Material shown —
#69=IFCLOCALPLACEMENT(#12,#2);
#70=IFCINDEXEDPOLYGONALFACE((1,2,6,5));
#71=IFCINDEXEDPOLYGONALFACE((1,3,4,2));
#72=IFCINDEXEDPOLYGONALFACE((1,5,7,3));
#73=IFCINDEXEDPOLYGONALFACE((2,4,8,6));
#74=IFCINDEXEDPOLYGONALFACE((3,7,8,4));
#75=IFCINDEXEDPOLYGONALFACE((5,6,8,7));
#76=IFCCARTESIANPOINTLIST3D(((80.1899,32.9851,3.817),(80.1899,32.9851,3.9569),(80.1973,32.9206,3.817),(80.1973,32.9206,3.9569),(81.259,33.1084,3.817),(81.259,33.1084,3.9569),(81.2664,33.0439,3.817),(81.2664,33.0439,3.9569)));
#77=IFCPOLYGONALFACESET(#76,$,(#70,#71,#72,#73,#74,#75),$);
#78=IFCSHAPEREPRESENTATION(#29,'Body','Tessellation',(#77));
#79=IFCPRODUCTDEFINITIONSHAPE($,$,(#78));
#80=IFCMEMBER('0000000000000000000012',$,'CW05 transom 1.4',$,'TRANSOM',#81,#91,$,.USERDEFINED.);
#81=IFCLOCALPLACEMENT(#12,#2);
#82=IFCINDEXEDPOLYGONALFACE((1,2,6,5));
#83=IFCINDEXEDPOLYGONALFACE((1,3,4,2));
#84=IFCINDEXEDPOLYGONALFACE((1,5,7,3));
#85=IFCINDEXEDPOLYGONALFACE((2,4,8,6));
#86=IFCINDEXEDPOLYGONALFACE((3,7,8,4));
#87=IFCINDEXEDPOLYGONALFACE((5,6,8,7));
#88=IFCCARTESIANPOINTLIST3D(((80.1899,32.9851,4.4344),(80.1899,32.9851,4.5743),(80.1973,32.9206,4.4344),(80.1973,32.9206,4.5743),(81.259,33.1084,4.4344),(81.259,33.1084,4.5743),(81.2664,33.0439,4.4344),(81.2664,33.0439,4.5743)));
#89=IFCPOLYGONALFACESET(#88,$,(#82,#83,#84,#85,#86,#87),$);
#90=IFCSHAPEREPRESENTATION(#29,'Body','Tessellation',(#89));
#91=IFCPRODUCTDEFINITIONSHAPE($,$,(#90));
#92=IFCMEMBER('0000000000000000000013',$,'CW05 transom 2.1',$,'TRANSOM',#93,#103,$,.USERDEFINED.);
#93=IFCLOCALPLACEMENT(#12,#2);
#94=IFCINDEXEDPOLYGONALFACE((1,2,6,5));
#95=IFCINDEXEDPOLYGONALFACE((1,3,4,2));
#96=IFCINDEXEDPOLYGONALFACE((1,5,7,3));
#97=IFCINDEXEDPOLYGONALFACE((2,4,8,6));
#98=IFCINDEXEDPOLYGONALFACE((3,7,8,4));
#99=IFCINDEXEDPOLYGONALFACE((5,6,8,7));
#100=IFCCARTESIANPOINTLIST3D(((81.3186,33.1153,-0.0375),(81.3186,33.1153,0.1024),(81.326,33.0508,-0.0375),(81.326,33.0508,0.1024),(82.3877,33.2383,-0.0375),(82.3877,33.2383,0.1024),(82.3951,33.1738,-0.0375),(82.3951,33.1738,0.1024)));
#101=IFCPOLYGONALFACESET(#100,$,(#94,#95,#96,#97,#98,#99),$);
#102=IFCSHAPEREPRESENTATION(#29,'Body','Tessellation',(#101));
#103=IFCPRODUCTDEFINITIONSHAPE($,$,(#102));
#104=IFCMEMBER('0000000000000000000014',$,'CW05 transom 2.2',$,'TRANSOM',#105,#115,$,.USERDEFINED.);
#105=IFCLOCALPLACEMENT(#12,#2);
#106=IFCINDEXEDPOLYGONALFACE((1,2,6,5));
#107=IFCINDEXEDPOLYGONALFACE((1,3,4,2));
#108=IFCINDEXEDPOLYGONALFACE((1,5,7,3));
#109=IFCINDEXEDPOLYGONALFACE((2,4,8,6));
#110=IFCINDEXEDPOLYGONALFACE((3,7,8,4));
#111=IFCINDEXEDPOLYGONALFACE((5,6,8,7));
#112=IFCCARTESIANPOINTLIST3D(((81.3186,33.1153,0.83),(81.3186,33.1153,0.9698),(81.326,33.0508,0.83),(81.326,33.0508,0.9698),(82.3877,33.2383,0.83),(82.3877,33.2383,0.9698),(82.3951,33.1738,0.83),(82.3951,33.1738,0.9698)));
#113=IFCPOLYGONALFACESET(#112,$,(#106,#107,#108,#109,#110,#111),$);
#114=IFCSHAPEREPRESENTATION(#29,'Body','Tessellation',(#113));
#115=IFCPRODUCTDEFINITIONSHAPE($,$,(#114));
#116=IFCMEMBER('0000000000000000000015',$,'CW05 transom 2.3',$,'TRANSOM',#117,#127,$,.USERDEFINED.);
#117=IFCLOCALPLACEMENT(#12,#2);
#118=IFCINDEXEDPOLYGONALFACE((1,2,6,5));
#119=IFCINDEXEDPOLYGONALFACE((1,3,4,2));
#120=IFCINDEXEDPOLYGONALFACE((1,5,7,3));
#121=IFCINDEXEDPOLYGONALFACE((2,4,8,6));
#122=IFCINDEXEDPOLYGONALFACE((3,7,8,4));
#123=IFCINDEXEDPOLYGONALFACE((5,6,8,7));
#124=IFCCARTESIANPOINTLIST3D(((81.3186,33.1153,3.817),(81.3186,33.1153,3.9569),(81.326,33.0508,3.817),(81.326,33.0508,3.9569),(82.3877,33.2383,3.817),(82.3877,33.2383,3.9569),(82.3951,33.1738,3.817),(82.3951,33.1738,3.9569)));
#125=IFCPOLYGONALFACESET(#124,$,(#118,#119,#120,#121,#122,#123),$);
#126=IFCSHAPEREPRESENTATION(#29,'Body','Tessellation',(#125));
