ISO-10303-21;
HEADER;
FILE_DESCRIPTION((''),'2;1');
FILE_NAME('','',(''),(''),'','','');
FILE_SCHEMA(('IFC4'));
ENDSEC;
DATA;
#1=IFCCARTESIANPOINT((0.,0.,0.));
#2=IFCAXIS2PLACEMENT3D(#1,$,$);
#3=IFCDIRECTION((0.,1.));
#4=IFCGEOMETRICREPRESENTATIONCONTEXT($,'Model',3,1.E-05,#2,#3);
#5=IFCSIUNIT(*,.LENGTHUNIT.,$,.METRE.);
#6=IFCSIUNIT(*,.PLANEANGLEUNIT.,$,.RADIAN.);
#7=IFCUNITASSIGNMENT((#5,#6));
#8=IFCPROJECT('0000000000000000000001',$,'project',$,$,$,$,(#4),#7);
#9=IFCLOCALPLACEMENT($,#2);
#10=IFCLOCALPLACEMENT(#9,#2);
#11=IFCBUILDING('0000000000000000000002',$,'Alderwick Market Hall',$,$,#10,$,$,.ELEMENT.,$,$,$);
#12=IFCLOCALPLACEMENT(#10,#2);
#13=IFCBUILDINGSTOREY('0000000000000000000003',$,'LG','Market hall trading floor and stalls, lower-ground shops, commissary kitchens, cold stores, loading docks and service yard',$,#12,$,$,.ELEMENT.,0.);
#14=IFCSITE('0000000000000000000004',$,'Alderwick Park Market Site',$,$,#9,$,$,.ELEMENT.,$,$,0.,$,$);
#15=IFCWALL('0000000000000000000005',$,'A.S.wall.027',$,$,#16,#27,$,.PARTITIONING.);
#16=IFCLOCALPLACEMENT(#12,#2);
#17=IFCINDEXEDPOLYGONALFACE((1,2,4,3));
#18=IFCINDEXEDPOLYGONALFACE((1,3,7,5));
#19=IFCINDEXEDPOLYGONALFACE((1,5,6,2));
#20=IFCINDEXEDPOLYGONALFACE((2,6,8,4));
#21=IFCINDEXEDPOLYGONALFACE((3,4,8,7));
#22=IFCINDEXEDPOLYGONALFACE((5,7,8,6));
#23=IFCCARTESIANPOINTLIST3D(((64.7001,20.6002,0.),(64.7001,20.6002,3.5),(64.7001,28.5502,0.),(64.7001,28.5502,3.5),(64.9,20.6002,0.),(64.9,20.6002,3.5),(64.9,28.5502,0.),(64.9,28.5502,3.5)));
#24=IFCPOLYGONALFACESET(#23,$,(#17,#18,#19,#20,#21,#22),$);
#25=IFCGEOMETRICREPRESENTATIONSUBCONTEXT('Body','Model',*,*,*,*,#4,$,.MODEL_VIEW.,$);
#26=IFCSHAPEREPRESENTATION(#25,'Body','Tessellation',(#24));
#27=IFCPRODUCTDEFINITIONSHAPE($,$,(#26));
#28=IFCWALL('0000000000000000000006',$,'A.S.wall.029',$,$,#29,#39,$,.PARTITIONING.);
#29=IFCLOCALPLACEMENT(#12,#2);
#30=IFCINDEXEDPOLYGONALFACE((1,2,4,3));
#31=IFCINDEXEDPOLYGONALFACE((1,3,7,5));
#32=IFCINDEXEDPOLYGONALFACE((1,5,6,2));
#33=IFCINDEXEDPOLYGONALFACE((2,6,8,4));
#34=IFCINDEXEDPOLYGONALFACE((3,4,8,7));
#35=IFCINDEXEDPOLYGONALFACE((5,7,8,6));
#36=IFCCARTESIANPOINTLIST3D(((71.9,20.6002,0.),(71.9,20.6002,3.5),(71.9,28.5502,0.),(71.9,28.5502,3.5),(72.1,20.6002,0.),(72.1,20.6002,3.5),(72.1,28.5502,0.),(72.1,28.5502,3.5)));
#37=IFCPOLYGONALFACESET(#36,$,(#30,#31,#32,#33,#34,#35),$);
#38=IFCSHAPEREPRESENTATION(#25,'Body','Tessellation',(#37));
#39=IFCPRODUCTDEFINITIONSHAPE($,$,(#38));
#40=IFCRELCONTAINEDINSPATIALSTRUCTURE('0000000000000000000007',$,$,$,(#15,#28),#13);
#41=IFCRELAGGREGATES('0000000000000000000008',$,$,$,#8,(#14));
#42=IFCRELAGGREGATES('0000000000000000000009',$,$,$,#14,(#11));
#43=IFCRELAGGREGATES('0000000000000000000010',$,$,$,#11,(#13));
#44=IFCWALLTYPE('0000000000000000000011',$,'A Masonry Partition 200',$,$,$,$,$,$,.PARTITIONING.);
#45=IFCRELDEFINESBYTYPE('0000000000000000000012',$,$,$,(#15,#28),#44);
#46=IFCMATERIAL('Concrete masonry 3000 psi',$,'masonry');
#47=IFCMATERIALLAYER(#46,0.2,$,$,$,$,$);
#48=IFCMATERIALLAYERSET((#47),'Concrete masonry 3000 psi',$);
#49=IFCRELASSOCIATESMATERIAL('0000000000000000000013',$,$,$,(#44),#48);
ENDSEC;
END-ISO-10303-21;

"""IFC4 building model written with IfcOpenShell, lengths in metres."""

from ifc_helpers import new_model, si_unit, direction, frame, frame_2d, origin, place, context, subcontext, project, spatial, rectangle, extrude, material, layer, layer_set, type_object, element, save


model = new_model("IFC4")

# Units and contexts
model_context = context("Model", 3, precision=1e-05, world=origin(), true_north=direction((0.0, 1.0)))
body_context = subcontext(model_context, "Body", "Model", "MODEL_VIEW")
ifc_project = project(units=[si_unit("LENGTHUNIT", "METRE"), si_unit("PLANEANGLEUNIT", "RADIAN")], contexts=[model_context])

# Site, building, storey
site_placement = place(None, origin())
site = spatial("IfcSite", under=ifc_project, at=site_placement, Name="Alderwick Park Market Site", CompositionType="ELEMENT", RefElevation=0.0)
building_placement = place(site_placement, origin())
building = spatial("IfcBuilding", under=site, at=building_placement, Name="Alderwick Market Hall", CompositionType="ELEMENT")
storey_placement = place(building_placement, origin())
storey = spatial("IfcBuildingStorey", under=building, at=storey_placement, Name="LG", Description="Market hall trading floor and stalls, lower-ground shops, commissary kitchens, cold stores, loading docks and service yard", CompositionType="ELEMENT", Elevation=0.0)

# Shared definitions
ifc_material_1 = material(Name="Concrete masonry 3000 psi", Category="masonry")
ifc_layer = layer(ifc_material_1, 0.2)
ifc_layer_set = layer_set([ifc_layer], Name="Concrete masonry 3000 psi")
wall_type = type_object("IfcWallType", Name="A Masonry Partition 200", PredefinedType="PARTITIONING", material=ifc_layer_set)

# Walls
for number, where, z_axis, x_axis, name in (
    (1, (64.8, 20.6001, 0.0), (0.0, 0.0, 1.0), (0.0, 1.0, 0.0), "A.S.wall.027"),
    (2, (72.0, 20.6001, 0.0), (0.0, 0.0, 1.0), (0.0, 1.0, 0.0), "A.S.wall.029"),
):
    element("IfcWall", number, at=place(storey_placement, frame(where, z_axis=z_axis, x_axis=x_axis)), inside=storey, type_object=wall_type, Name=name, PredefinedType="PARTITIONING", context=body_context, shape_type="SweptSolid", body=[
        extrude(rectangle(XDim=7.95, YDim=0.2, at=frame_2d((3.9751, 0.0))), origin(), (0.0, 0.0, 1.0), 3.5),
    ])

save(model, "model.ifc")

Assigned task —
In the listing above, locate the line with "#5=IFCSIUNIT(*,.LENGTHUNIT.,$,.METRE.);" and the line with "#10=IFCLOCALPLACEMENT(#9,#2);", then extract exactly those lines and every line between them, and nothing more.

Result for this exercise —
#5=IFCSIUNIT(*,.LENGTHUNIT.,$,.METRE.);
#6=IFCSIUNIT(*,.PLANEANGLEUNIT.,$,.RADIAN.);
#7=IFCUNITASSIGNMENT((#5,#6));
#8=IFCPROJECT('0000000000000000000001',$,'project',$,$,$,$,(#4),#7);
#9=IFCLOCALPLACEMENT($,#2);
#10=IFCLOCALPLACEMENT(#9,#2);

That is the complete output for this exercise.